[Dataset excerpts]
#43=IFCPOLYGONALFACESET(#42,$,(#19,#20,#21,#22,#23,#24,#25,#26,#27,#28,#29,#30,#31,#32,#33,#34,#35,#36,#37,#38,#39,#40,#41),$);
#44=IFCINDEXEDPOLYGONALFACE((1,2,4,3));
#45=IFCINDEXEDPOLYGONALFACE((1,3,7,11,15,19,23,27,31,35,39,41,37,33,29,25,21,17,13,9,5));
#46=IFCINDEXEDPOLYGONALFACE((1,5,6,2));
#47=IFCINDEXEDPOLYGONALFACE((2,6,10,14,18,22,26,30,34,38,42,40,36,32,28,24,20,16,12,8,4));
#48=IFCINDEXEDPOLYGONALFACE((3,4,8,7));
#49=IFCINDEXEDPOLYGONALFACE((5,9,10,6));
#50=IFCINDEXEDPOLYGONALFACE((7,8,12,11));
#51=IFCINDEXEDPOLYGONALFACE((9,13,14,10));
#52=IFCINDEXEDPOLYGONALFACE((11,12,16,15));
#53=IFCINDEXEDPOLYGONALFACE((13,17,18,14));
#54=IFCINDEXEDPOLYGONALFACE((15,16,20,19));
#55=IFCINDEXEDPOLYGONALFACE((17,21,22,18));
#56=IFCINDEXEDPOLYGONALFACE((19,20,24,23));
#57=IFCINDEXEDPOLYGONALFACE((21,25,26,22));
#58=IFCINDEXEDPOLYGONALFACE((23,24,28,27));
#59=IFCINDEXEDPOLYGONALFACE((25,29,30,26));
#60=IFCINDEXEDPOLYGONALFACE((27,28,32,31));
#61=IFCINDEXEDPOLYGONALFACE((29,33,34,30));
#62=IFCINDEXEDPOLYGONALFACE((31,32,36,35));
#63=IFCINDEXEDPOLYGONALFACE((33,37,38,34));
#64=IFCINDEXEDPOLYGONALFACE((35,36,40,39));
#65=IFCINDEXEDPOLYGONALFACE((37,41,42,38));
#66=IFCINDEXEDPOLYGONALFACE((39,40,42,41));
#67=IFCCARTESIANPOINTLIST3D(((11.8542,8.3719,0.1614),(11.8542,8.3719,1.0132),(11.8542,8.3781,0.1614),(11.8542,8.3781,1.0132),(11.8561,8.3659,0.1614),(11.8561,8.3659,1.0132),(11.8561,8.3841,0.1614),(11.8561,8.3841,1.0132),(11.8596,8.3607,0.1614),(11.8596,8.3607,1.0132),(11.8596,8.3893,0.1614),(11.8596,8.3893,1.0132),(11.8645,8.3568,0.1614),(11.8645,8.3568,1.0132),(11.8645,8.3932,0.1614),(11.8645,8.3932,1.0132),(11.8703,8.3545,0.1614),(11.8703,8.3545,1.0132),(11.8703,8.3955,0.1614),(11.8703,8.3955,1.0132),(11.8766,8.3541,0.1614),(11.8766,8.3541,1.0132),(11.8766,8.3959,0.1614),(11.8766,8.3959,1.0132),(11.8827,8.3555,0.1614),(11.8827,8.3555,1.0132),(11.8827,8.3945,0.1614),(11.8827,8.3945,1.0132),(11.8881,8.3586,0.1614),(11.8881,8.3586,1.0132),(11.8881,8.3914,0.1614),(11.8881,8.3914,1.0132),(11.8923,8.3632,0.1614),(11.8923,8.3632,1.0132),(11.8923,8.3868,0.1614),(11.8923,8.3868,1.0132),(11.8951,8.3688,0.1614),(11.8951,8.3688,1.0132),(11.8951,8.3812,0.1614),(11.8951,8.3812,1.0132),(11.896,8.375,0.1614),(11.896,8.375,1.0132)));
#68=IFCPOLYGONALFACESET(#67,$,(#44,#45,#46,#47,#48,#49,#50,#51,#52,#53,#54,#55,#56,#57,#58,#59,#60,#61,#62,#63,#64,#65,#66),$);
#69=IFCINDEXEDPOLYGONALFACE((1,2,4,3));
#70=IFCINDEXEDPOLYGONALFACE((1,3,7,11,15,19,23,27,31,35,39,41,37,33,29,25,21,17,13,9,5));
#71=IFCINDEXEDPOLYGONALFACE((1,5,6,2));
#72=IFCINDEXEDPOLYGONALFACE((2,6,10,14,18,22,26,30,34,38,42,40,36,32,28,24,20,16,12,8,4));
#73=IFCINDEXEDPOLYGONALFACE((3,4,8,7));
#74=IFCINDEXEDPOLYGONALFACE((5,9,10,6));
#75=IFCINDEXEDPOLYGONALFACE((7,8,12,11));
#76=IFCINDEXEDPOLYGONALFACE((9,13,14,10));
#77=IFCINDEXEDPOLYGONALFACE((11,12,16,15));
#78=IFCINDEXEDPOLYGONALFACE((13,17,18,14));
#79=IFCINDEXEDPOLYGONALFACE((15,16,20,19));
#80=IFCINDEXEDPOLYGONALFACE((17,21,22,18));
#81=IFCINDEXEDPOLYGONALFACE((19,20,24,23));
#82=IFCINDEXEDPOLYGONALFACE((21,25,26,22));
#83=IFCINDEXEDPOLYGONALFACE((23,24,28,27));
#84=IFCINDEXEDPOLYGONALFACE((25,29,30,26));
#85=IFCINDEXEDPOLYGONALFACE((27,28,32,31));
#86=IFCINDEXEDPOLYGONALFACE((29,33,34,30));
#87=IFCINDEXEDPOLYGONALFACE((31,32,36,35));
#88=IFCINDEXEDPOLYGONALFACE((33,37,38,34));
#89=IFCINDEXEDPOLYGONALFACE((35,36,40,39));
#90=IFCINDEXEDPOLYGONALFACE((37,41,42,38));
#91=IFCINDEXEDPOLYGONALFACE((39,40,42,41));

**Problem to work on**
Where does the word "IFCPOLYGONALFACESET" appear in the records above? Return every line that holds it.

**Result for this exercise**
#43=IFCPOLYGONALFACESET(#42,$,(#19,#20,#21,#22,#23,#24,#25,#26,#27,#28,#29,#30,#31,#32,#33,#34,#35,#36,#37,#38,#39,#40,#41),$);
#68=IFCPOLYGONALFACESET(#67,$,(#44,#45,#46,#47,#48,#49,#50,#51,#52,#53,#54,#55,#56,#57,#58,#59,#60,#61,#62,#63,#64,#65,#66),$);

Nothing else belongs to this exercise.